What you will do
Write out the entries below exactly, from the first line to the one with "and Protocol Suites',$,#14,$,$,.ELEMENT.,247.5);", both ends included.

------ Exercise inputs

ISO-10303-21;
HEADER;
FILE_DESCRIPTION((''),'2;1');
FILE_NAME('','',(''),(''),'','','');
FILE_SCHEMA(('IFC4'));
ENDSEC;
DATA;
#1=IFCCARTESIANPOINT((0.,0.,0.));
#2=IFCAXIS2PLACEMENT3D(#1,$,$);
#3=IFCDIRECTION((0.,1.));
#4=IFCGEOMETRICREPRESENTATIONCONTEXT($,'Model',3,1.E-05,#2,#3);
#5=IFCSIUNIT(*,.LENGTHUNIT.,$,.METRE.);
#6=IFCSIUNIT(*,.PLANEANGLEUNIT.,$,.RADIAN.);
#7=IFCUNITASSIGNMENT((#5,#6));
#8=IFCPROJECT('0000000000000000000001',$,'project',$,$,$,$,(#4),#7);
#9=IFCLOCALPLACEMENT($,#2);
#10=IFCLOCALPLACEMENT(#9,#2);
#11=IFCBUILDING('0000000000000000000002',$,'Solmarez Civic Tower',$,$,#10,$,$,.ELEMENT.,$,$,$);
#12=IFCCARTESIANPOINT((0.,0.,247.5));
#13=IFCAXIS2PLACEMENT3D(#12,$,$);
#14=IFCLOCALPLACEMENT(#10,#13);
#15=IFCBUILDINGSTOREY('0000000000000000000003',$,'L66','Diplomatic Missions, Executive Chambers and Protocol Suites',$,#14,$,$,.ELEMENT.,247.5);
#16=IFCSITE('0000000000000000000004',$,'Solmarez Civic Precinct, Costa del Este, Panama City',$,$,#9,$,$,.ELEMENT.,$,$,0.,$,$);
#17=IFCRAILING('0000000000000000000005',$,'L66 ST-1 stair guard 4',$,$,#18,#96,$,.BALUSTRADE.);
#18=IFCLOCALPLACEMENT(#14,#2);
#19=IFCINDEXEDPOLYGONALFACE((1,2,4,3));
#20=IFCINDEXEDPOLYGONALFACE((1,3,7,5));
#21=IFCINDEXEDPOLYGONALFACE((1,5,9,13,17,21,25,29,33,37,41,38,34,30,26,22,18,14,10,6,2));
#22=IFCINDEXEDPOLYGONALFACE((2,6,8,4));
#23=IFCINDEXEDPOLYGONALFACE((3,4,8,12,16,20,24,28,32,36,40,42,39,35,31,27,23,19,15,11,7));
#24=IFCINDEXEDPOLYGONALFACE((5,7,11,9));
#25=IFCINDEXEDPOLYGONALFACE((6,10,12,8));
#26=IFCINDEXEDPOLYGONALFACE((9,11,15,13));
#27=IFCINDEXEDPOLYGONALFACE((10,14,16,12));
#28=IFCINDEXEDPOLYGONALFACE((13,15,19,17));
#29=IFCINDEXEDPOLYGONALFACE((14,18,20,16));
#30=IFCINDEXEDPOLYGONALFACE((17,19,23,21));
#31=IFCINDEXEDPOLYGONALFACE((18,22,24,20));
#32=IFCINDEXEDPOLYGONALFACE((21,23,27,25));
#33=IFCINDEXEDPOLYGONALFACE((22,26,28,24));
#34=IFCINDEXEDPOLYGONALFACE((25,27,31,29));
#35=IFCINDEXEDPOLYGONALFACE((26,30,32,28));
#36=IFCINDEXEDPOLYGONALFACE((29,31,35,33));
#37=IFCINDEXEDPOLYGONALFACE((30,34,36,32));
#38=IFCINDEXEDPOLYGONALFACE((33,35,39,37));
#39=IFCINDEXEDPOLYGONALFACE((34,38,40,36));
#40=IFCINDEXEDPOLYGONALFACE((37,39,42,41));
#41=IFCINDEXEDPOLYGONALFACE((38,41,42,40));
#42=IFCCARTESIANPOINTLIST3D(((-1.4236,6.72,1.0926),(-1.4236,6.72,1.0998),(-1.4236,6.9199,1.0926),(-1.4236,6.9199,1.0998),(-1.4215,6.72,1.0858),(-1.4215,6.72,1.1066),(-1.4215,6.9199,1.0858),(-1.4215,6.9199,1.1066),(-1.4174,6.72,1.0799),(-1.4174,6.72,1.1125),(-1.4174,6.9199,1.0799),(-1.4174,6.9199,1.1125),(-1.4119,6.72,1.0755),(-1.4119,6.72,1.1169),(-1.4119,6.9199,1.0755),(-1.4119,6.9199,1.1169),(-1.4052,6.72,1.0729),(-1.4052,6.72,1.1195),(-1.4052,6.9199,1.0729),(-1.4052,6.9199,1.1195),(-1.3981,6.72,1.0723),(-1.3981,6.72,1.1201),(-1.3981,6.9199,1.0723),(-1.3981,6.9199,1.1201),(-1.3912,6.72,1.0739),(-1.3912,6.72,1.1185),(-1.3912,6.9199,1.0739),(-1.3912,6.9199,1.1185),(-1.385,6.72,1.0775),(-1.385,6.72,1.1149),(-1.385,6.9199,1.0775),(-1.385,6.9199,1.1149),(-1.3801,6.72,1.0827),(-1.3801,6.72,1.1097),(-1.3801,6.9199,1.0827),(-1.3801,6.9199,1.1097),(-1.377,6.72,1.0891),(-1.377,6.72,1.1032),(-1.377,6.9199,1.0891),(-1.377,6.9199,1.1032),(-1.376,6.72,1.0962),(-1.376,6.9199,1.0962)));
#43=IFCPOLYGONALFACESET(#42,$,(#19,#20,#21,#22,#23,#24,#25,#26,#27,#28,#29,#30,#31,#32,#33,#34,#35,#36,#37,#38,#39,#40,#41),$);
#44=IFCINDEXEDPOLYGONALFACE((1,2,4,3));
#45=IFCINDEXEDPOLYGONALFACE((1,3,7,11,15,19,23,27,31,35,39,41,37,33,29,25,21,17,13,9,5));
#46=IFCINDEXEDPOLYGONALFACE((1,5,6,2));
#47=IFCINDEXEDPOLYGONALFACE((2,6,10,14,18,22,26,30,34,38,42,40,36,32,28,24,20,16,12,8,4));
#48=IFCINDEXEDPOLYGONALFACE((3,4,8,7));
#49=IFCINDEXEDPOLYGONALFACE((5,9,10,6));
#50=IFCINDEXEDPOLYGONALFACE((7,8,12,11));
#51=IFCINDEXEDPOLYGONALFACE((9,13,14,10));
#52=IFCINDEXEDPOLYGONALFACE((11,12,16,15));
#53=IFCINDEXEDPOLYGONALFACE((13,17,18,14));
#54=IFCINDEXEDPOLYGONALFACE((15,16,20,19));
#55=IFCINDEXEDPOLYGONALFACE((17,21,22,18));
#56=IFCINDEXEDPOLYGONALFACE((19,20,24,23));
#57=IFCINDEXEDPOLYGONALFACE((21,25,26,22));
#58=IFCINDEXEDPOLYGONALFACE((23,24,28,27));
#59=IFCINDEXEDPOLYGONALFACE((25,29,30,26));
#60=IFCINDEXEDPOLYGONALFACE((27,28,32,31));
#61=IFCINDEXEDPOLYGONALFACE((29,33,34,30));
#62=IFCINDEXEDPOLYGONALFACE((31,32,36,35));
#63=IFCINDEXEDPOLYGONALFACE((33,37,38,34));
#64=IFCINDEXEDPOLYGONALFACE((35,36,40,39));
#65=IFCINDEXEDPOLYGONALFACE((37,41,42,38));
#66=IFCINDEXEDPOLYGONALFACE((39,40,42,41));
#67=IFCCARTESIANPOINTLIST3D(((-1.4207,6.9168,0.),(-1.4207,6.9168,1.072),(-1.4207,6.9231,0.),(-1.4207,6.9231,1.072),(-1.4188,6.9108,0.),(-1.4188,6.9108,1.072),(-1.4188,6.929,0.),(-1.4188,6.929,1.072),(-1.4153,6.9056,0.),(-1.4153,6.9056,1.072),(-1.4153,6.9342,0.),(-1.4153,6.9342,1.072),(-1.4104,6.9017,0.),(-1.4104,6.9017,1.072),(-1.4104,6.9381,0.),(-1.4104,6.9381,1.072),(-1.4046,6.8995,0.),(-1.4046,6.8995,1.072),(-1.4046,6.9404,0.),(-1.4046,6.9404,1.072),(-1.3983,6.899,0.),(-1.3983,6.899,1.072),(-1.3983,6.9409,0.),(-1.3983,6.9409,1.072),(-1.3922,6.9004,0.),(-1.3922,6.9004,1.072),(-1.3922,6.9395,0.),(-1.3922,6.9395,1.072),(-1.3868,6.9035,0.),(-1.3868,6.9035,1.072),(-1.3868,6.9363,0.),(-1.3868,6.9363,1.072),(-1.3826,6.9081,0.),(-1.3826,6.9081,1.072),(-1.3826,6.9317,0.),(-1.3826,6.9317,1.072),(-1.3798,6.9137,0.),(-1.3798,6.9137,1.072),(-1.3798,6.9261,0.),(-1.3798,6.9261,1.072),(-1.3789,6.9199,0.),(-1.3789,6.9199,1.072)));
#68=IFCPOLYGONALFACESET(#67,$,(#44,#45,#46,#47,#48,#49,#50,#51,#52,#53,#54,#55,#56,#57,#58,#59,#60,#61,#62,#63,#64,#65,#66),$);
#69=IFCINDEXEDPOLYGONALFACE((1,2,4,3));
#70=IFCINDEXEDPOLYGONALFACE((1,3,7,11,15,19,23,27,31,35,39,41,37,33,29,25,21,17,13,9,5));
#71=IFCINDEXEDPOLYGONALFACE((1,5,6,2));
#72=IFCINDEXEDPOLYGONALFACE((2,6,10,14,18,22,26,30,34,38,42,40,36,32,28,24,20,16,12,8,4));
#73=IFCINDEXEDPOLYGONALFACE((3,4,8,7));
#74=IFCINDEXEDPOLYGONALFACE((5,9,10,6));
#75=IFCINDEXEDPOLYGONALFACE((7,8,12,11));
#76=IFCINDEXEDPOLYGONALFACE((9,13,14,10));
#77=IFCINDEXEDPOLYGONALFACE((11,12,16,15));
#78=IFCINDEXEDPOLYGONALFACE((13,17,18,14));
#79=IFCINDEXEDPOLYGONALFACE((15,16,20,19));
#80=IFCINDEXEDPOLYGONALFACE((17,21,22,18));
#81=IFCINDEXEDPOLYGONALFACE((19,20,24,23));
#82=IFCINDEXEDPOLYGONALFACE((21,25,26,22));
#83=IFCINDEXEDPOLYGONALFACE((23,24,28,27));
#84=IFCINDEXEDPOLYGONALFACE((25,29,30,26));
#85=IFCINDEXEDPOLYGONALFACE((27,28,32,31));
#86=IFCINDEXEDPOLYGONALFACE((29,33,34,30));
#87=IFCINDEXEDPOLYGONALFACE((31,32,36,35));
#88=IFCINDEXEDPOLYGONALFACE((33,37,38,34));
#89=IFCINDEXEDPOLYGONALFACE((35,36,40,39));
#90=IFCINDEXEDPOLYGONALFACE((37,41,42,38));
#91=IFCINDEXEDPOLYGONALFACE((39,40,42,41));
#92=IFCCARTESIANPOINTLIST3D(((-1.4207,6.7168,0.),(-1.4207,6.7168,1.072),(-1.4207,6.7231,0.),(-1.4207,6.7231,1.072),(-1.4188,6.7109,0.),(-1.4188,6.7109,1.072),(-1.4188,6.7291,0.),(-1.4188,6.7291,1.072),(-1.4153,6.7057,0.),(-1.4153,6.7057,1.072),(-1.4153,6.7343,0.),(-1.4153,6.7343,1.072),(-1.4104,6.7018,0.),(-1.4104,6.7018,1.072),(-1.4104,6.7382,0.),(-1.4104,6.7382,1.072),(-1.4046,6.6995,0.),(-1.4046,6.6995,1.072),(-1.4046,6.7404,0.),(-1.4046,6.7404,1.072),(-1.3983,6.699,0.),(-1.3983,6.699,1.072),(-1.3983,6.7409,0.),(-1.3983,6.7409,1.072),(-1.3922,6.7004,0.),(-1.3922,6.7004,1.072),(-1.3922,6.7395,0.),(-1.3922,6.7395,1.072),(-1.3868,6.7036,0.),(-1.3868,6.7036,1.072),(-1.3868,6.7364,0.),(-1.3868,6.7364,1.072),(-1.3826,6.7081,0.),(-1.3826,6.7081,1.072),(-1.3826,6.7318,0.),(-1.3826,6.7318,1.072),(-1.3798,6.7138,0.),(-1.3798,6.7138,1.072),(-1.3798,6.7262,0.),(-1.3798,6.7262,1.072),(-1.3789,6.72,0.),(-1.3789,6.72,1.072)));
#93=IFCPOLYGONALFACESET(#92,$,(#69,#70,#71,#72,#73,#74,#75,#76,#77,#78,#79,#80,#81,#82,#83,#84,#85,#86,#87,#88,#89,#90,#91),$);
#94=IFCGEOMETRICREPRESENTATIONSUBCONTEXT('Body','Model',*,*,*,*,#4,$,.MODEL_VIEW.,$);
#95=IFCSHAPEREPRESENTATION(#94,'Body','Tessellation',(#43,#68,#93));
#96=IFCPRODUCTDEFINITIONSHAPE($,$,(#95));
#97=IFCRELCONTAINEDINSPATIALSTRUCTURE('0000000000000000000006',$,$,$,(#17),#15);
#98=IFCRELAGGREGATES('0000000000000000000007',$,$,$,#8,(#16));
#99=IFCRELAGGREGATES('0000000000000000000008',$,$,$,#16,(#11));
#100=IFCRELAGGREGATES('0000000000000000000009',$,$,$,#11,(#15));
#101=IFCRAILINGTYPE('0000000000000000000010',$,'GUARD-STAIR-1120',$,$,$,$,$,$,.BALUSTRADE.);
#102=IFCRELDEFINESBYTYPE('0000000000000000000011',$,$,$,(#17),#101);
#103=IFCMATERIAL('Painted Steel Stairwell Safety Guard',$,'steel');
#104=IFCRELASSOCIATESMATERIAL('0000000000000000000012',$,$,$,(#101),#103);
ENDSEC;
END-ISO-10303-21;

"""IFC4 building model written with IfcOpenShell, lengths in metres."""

from ifc_helpers import new_model, si_unit, direction, frame, origin, origin_2d, place, context, subcontext, project, spatial, circle, extrude, material, type_object, element, save


model = new_model("IFC4")

# Units and contexts
model_context = context("Model", 3, precision=1e-05, world=origin(), true_north=direction((0.0, 1.0)))
body_context = subcontext(model_context, "Body", "Model", "MODEL_VIEW")
ifc_project = project(units=[si_unit("LENGTHUNIT", "METRE"), si_unit("PLANEANGLEUNIT", "RADIAN")], contexts=[model_context])

# Site, building, storey
site_placement = place(None, origin())
site = spatial("IfcSite", under=ifc_project, at=site_placement, Name="Solmarez Civic Precinct, Costa del Este, Panama City", CompositionType="ELEMENT", RefElevation=0.0)
building_placement = place(site_placement, origin())
building = spatial("IfcBuilding", under=site, at=building_placement, Name="Solmarez Civic Tower", CompositionType="ELEMENT")
storey_placement = place(building_placement, frame((0.0, 0.0, 247.5)))
storey = spatial("IfcBuildingStorey", under=building, at=storey_placement, Name="L66", Description="Diplomatic Missions, Executive Chambers and Protocol Suites", CompositionType="ELEMENT", Elevation=247.5)

# Railing
ifc_material_1 = material(Name="Painted Steel Stairwell Safety Guard", Category="steel")
railing_type_1 = type_object("IfcRailingType", Name="GUARD-STAIR-1120", PredefinedType="BALUSTRADE", material=ifc_material_1)
railing_1_placement = place(storey_placement, frame((-1.3999, 6.9199, 0.0)))
element("IfcRailing", 1, at=railing_1_placement, inside=storey, type_object=railing_type_1, Name="L66 ST-1 stair guard 4", PredefinedType="BALUSTRADE", context=body_context, shape_type="SweptSolid", body=[
    extrude(circle(Radius=0.0239, at=origin_2d()), frame((0.0, 0.0, 1.0962), z_axis=(0.0, -1.0, 0.0), x_axis=(1.0, 0.0, 0.0)), (0.0, 0.0, 1.0), 0.2),
    extrude(circle(Radius=0.021, at=origin_2d()), origin(), (0.0, 0.0, 1.0), 1.072),
    extrude(circle(Radius=0.021, at=origin_2d()), frame((0.0, -0.2, 0.0)), (0.0, 0.0, 1.0), 1.072),
])

save(model, "model.ifc")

------------

Exercise response
ISO-10303-21;
HEADER;
FILE_DESCRIPTION((''),'2;1');
FILE_NAME('','',(''),(''),'','','');
FILE_SCHEMA(('IFC4'));
ENDSEC;
DATA;
#1=IFCCARTESIANPOINT((0.,0.,0.));
#2=IFCAXIS2PLACEMENT3D(#1,$,$);
#3=IFCDIRECTION((0.,1.));
#4=IFCGEOMETRICREPRESENTATIONCONTEXT($,'Model',3,1.E-05,#2,#3);
#5=IFCSIUNIT(*,.LENGTHUNIT.,$,.METRE.);
#6=IFCSIUNIT(*,.PLANEANGLEUNIT.,$,.RADIAN.);
#7=IFCUNITASSIGNMENT((#5,#6));
#8=IFCPROJECT('0000000000000000000001',$,'project',$,$,$,$,(#4),#7);
#9=IFCLOCALPLACEMENT($,#2);
#10=IFCLOCALPLACEMENT(#9,#2);
#11=IFCBUILDING('0000000000000000000002',$,'Solmarez Civic Tower',$,$,#10,$,$,.ELEMENT.,$,$,$);
#12=IFCCARTESIANPOINT((0.,0.,247.5));
#13=IFCAXIS2PLACEMENT3D(#12,$,$);
#14=IFCLOCALPLACEMENT(#10,#13);
#15=IFCBUILDINGSTOREY('0000000000000000000003',$,'L66','Diplomatic Missions, Executive Chambers and Protocol Suites',$,#14,$,$,.ELEMENT.,247.5);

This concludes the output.